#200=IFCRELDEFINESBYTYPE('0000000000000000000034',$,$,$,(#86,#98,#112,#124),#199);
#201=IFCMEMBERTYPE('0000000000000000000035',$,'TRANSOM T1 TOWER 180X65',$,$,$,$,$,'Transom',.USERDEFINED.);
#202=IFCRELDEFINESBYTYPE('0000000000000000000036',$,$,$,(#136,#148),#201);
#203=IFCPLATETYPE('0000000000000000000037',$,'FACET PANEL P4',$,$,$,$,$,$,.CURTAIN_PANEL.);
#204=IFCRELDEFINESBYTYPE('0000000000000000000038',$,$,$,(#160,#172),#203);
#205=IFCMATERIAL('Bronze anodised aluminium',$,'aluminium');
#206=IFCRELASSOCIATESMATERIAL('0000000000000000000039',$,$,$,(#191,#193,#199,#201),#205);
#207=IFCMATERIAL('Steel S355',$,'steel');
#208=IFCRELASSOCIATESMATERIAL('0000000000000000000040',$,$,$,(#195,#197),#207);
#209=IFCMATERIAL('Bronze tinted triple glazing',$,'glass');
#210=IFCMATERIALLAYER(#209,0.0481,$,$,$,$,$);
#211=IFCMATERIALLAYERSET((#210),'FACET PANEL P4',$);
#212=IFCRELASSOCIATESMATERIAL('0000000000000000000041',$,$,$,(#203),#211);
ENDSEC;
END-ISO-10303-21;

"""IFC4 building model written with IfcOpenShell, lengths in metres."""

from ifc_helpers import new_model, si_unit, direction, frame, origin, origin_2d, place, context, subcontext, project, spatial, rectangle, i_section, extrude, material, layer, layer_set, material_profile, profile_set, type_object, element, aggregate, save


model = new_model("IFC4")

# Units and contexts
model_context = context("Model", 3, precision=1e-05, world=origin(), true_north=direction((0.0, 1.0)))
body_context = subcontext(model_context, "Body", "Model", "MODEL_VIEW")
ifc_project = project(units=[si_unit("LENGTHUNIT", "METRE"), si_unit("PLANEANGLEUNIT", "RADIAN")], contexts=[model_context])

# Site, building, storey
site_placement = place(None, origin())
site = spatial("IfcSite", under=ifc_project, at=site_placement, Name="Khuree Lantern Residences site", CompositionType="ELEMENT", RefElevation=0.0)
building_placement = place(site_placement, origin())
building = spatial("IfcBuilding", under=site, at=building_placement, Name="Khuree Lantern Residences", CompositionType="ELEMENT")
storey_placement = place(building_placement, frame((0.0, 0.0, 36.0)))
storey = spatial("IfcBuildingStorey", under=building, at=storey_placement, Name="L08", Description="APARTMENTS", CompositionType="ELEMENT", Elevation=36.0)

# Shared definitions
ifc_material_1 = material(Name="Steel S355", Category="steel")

# About this task
Here the output must be the lines above from the line with "#205=IFCMATERIAL('Bronze anodised aluminium',$,'aluminium');" to the line with "building model written", both included, duplicated word for word and nothing else.

# Task output
#205=IFCMATERIAL('Bronze anodised aluminium',$,'aluminium');
#206=IFCRELASSOCIATESMATERIAL('0000000000000000000039',$,$,$,(#191,#193,#199,#201),#205);
#207=IFCMATERIAL('Steel S355',$,'steel');
#208=IFCRELASSOCIATESMATERIAL('0000000000000000000040',$,$,$,(#195,#197),#207);
#209=IFCMATERIAL('Bronze tinted triple glazing',$,'glass');
#210=IFCMATERIALLAYER(#209,0.0481,$,$,$,$,$);
#211=IFCMATERIALLAYERSET((#210),'FACET PANEL P4',$);
#212=IFCRELASSOCIATESMATERIAL('0000000000000000000041',$,$,$,(#203),#211);
ENDSEC;
END-ISO-10303-21;

"""IFC4 building model written with IfcOpenShell, lengths in metres."""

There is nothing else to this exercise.